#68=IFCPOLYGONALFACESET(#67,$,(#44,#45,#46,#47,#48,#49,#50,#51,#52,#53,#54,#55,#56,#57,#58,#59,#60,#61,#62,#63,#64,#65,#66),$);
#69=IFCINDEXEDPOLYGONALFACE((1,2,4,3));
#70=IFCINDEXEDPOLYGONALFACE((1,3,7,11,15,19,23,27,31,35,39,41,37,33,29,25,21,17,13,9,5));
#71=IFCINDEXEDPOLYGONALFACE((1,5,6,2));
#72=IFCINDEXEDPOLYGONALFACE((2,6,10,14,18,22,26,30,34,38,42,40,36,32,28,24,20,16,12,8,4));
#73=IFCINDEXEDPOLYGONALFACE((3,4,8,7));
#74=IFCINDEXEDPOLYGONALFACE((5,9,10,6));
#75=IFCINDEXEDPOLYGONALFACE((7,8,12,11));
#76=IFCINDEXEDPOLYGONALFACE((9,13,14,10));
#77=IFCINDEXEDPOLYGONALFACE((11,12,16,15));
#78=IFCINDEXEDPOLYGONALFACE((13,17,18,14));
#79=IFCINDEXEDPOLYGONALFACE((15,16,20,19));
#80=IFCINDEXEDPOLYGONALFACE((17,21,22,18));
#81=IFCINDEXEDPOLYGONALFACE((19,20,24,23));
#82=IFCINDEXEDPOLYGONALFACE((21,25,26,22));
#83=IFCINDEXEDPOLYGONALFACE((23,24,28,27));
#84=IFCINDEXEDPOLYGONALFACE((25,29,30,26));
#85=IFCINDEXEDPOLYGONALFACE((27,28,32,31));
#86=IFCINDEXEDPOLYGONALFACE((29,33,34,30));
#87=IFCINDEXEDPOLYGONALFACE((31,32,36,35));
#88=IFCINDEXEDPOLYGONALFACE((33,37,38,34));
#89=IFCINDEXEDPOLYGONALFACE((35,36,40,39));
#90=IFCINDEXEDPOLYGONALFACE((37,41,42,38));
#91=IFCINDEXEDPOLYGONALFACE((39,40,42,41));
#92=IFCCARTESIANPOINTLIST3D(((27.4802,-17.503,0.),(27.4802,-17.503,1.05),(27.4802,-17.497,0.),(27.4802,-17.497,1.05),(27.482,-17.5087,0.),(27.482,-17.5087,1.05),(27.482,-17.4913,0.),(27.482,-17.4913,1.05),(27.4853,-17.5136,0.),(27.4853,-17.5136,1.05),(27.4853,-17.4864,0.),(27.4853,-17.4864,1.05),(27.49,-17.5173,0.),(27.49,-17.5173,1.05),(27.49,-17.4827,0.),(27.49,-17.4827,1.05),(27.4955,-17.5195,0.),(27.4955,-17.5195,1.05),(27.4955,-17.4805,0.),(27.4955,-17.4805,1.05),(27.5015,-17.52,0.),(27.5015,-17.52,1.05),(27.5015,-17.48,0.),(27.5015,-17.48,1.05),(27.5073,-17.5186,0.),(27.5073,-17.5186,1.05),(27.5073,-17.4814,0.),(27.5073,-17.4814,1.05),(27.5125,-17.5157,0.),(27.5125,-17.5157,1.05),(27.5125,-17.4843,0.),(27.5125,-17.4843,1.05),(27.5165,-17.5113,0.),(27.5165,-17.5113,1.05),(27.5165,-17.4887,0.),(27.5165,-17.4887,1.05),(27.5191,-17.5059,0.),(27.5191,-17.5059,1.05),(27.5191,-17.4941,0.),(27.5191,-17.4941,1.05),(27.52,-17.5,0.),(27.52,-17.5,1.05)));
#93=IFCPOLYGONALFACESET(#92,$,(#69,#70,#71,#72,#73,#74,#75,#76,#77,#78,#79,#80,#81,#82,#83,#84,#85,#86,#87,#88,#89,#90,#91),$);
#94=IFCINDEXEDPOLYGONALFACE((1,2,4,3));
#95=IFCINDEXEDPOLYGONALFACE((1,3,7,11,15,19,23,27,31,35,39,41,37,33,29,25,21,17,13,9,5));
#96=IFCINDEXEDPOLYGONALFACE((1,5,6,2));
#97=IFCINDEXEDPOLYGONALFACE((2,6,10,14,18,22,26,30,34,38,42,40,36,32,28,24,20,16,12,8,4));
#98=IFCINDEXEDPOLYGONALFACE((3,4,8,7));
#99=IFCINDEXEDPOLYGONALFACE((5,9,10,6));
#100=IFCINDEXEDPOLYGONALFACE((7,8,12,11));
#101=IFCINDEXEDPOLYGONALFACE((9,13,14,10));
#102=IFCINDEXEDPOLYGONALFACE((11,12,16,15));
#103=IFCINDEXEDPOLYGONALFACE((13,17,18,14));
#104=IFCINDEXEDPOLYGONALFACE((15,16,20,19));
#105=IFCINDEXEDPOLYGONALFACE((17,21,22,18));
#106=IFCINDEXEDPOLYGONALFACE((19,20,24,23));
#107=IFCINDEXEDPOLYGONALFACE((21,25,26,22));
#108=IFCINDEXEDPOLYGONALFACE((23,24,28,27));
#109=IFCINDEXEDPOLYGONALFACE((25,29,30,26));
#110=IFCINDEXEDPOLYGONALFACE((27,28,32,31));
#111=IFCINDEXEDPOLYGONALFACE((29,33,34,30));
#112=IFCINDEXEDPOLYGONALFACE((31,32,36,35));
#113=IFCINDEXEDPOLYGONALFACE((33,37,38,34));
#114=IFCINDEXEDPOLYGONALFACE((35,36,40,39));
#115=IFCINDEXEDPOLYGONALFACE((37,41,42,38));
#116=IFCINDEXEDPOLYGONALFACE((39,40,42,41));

──────────

#### Exercise:
What is needed is the number of lines above that include the string "IFCPOLYGONALFACESET", and nothing else.

#### Response for this exercise:
2